WHAT THE TASK ASKS:
What is needed is an exact copy of the line that contains "#186=IFCMATERIALLAYERSET((#185),'Aluminium framed glazed" and of all later lines to the end of the records below, with no other lines.

Stored data:
------------------------
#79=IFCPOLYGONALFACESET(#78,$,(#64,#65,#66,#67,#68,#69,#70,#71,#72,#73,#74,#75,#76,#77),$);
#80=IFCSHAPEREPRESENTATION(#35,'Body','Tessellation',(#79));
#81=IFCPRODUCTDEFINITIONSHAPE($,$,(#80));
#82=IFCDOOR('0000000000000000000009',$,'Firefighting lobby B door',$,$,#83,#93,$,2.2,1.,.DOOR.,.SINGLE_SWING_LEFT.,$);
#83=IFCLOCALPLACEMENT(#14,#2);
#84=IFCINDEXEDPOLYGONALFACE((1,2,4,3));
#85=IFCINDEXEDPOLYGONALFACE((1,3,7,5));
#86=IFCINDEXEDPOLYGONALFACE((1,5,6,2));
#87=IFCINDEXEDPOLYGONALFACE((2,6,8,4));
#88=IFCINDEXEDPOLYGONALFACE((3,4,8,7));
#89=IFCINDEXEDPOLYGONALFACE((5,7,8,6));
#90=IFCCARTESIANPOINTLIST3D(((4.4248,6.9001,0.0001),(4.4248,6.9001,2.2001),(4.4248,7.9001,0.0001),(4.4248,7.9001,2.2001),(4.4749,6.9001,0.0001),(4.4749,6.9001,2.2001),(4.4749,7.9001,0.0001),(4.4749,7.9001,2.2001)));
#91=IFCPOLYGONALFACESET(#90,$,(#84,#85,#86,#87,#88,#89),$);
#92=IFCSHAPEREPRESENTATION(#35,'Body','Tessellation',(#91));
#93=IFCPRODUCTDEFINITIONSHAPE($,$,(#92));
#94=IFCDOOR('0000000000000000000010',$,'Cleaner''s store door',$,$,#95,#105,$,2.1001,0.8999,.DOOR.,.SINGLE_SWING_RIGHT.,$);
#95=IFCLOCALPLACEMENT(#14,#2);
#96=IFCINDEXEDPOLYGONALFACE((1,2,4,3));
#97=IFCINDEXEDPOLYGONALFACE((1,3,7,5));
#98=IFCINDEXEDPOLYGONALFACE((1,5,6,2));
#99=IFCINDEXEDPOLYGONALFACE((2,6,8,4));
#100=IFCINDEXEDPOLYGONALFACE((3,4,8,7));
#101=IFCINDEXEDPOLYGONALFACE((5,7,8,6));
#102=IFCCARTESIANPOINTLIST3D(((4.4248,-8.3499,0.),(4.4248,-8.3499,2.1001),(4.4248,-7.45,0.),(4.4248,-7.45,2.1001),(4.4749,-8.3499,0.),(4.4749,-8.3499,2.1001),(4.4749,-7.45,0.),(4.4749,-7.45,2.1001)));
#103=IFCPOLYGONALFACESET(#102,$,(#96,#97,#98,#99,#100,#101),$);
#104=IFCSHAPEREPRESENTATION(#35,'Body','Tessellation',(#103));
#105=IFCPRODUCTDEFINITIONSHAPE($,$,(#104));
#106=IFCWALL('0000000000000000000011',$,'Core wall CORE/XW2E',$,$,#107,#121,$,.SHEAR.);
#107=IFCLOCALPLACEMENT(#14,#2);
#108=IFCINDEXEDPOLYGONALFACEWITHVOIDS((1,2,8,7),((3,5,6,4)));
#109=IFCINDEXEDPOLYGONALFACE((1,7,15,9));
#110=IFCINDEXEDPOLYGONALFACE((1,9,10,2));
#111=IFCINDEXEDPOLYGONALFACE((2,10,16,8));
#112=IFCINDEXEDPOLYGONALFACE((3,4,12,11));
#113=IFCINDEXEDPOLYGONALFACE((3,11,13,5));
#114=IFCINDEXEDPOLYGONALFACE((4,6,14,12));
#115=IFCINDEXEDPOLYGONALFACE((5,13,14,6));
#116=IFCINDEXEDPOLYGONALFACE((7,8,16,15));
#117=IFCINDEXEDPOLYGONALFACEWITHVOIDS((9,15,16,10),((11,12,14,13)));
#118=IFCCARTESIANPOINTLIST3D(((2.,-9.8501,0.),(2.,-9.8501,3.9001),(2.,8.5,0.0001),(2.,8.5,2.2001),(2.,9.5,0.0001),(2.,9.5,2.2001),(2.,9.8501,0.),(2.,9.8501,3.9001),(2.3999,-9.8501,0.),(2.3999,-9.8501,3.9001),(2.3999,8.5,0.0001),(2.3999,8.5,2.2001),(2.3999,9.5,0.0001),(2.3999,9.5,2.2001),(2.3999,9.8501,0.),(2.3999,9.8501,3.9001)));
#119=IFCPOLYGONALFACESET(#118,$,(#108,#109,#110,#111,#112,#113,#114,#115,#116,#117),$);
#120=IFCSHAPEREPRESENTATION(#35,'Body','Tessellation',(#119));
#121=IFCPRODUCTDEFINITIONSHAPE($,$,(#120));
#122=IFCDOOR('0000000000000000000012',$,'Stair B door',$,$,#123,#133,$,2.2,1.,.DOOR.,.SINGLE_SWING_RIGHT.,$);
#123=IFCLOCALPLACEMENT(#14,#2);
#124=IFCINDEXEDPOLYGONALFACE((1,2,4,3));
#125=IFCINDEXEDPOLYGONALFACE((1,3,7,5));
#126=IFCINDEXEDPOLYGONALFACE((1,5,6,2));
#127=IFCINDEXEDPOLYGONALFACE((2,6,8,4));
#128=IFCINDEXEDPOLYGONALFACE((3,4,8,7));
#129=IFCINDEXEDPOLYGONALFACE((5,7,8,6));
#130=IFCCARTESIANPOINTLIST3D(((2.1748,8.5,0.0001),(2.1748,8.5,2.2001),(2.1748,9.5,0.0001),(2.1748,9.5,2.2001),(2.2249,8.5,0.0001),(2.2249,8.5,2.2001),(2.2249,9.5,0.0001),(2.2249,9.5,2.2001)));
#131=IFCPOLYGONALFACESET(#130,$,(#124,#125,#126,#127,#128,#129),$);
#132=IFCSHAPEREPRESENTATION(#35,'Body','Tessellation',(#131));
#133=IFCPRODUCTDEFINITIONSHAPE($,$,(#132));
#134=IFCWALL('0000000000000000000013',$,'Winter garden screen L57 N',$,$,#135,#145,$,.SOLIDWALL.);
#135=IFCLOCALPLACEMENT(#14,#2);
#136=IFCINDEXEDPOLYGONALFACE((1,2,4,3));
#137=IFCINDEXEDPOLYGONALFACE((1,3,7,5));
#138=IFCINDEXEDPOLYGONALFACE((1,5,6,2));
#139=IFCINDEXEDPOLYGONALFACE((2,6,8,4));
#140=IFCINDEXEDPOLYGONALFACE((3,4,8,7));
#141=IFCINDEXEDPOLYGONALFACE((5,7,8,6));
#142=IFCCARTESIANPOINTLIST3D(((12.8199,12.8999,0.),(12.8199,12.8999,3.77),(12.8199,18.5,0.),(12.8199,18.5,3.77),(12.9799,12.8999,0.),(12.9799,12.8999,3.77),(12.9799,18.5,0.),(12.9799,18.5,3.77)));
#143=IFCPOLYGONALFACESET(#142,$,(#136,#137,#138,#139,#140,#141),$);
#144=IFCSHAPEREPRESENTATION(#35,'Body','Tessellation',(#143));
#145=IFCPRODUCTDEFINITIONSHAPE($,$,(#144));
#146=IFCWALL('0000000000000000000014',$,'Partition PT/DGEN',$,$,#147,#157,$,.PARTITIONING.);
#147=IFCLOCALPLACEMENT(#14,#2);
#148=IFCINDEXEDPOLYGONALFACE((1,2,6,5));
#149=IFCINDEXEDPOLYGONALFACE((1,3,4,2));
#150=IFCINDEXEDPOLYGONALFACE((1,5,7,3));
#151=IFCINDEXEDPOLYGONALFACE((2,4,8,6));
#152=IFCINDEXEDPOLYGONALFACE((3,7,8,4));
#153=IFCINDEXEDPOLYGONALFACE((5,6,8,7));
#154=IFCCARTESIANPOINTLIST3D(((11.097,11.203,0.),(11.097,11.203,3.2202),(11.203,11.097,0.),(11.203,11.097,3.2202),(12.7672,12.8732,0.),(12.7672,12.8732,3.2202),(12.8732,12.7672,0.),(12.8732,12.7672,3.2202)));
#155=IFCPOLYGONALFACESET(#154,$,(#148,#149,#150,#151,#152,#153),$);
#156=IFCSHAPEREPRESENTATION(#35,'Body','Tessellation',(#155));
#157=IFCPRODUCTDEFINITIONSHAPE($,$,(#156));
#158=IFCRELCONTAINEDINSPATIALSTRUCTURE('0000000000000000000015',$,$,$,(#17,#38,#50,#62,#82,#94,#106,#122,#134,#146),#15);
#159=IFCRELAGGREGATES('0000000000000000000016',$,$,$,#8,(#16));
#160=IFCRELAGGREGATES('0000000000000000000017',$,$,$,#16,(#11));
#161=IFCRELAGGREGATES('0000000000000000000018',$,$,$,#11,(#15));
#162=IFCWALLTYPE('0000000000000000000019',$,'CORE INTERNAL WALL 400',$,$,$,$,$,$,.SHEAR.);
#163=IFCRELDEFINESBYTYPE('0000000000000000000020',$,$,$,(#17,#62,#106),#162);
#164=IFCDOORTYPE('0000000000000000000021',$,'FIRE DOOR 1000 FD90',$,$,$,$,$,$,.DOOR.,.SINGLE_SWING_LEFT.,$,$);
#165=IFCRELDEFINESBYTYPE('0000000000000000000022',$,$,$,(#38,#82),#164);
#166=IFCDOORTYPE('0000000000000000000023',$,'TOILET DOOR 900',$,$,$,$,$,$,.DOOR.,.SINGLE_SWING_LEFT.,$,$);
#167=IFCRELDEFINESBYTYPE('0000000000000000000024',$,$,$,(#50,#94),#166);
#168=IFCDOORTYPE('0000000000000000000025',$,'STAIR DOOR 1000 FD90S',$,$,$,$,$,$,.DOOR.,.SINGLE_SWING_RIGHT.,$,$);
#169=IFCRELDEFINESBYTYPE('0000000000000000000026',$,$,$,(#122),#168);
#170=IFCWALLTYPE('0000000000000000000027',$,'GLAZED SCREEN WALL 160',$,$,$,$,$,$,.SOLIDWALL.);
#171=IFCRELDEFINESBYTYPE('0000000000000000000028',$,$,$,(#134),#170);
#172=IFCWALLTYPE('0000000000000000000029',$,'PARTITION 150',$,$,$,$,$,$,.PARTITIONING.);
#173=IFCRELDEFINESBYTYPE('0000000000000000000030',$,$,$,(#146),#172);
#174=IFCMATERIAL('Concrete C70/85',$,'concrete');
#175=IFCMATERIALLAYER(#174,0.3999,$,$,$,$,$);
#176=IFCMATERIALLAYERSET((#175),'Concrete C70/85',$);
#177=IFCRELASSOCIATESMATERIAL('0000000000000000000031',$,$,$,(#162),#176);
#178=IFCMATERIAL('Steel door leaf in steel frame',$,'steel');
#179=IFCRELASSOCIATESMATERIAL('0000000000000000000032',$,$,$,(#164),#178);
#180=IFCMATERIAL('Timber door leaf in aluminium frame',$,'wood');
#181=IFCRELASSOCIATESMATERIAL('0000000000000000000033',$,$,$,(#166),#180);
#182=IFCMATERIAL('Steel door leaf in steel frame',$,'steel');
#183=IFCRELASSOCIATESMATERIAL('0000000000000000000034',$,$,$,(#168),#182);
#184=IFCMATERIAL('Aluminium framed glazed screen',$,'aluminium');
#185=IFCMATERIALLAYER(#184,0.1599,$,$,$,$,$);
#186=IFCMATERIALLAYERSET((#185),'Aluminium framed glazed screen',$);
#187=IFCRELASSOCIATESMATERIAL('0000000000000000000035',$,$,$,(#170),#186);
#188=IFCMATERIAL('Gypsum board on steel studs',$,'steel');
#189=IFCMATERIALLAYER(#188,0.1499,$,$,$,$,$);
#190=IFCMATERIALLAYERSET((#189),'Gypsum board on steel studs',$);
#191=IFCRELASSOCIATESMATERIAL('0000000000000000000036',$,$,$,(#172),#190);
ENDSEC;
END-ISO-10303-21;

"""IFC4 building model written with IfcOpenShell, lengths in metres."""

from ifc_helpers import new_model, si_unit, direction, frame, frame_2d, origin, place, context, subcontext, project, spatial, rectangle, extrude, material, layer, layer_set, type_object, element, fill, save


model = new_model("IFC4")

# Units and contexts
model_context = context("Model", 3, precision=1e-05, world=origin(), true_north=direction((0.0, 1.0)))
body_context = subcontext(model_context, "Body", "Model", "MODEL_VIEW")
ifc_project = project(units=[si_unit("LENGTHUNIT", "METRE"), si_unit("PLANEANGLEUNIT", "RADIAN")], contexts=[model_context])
------------------------
EXPECTED OUTPUT:
#186=IFCMATERIALLAYERSET((#185),'Aluminium framed glazed screen',$);
#187=IFCRELASSOCIATESMATERIAL('0000000000000000000035',$,$,$,(#170),#186);
#188=IFCMATERIAL('Gypsum board on steel studs',$,'steel');
#189=IFCMATERIALLAYER(#188,0.1499,$,$,$,$,$);
#190=IFCMATERIALLAYERSET((#189),'Gypsum board on steel studs',$);
#191=IFCRELASSOCIATESMATERIAL('0000000000000000000036',$,$,$,(#172),#190);
ENDSEC;
END-ISO-10303-21;

"""IFC4 building model written with IfcOpenShell, lengths in metres."""

from ifc_helpers import new_model, si_unit, direction, frame, frame_2d, origin, place, context, subcontext, project, spatial, rectangle, extrude, material, layer, layer_set, type_object, element, fill, save


model = new_model("IFC4")

# Units and contexts
model_context = context("Model", 3, precision=1e-05, world=origin(), true_north=direction((0.0, 1.0)))
body_context = subcontext(model_context, "Body", "Model", "MODEL_VIEW")
ifc_project = project(units=[si_unit("LENGTHUNIT", "METRE"), si_unit("PLANEANGLEUNIT", "RADIAN")], contexts=[model_context])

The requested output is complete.